--- Input records ---
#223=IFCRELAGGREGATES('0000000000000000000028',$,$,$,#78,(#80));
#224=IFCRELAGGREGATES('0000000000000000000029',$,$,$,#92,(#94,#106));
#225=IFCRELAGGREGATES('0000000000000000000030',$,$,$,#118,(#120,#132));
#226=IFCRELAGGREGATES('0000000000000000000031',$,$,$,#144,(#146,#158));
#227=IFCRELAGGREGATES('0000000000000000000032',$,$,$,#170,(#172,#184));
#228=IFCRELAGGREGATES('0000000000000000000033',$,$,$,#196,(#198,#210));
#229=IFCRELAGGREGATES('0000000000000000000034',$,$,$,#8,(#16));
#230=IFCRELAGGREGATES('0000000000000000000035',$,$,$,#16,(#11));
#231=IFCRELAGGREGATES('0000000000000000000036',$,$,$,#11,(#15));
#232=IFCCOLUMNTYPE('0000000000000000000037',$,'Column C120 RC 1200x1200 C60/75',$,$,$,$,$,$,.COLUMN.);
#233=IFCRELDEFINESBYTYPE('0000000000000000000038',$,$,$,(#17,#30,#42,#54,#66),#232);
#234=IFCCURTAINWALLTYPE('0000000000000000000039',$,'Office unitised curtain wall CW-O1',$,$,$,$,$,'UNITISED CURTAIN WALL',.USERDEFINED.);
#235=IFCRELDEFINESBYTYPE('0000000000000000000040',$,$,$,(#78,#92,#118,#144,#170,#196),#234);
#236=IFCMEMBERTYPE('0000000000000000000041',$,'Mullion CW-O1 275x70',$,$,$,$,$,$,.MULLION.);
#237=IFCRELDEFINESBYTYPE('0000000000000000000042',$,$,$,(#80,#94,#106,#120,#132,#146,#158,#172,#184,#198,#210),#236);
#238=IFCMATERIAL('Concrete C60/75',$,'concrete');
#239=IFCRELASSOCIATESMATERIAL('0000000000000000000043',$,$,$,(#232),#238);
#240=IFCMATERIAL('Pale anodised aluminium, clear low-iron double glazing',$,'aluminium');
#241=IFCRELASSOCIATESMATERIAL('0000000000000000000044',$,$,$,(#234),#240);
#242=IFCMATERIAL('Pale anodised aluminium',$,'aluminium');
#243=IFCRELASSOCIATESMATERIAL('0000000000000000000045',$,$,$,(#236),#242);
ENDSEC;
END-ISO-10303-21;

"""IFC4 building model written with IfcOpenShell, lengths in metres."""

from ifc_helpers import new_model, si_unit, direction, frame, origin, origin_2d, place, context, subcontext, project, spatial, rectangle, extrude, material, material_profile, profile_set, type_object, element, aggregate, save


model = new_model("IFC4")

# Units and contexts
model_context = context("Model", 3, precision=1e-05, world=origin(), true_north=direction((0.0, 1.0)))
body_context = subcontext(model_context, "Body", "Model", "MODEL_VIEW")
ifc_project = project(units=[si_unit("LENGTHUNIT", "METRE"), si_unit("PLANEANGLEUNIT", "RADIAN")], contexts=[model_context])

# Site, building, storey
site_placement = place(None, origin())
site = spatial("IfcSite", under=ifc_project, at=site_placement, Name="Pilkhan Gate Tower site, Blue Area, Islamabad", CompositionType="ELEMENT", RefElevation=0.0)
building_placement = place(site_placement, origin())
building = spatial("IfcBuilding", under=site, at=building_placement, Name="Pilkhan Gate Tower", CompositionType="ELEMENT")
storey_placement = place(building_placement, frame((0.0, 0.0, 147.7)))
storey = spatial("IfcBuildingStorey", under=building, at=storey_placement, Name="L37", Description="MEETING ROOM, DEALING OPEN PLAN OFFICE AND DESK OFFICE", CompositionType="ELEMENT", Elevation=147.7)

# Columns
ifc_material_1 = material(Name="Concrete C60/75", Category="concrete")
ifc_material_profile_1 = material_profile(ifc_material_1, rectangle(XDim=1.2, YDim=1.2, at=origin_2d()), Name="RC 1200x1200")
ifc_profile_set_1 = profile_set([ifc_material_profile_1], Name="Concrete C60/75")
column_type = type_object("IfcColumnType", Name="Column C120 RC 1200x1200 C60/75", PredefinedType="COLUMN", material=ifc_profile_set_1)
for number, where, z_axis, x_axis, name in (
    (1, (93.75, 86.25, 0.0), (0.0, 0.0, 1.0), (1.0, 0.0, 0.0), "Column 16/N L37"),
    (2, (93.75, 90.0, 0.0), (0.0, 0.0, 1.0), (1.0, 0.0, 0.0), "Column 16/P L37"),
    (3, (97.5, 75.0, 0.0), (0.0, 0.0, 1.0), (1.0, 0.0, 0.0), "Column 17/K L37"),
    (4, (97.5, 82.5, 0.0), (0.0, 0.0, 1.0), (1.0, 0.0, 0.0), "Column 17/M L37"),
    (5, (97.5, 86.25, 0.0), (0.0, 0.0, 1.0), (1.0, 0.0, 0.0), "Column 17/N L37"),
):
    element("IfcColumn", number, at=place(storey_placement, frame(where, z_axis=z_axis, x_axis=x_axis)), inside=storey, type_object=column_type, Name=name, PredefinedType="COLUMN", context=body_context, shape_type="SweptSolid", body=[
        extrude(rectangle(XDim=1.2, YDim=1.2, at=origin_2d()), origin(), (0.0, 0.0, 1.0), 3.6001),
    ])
---
Where "IFCRELDEFINESBYTYPE" occurs in a line of the data above, count that line. Give the final count and no other words.

Task answer:
3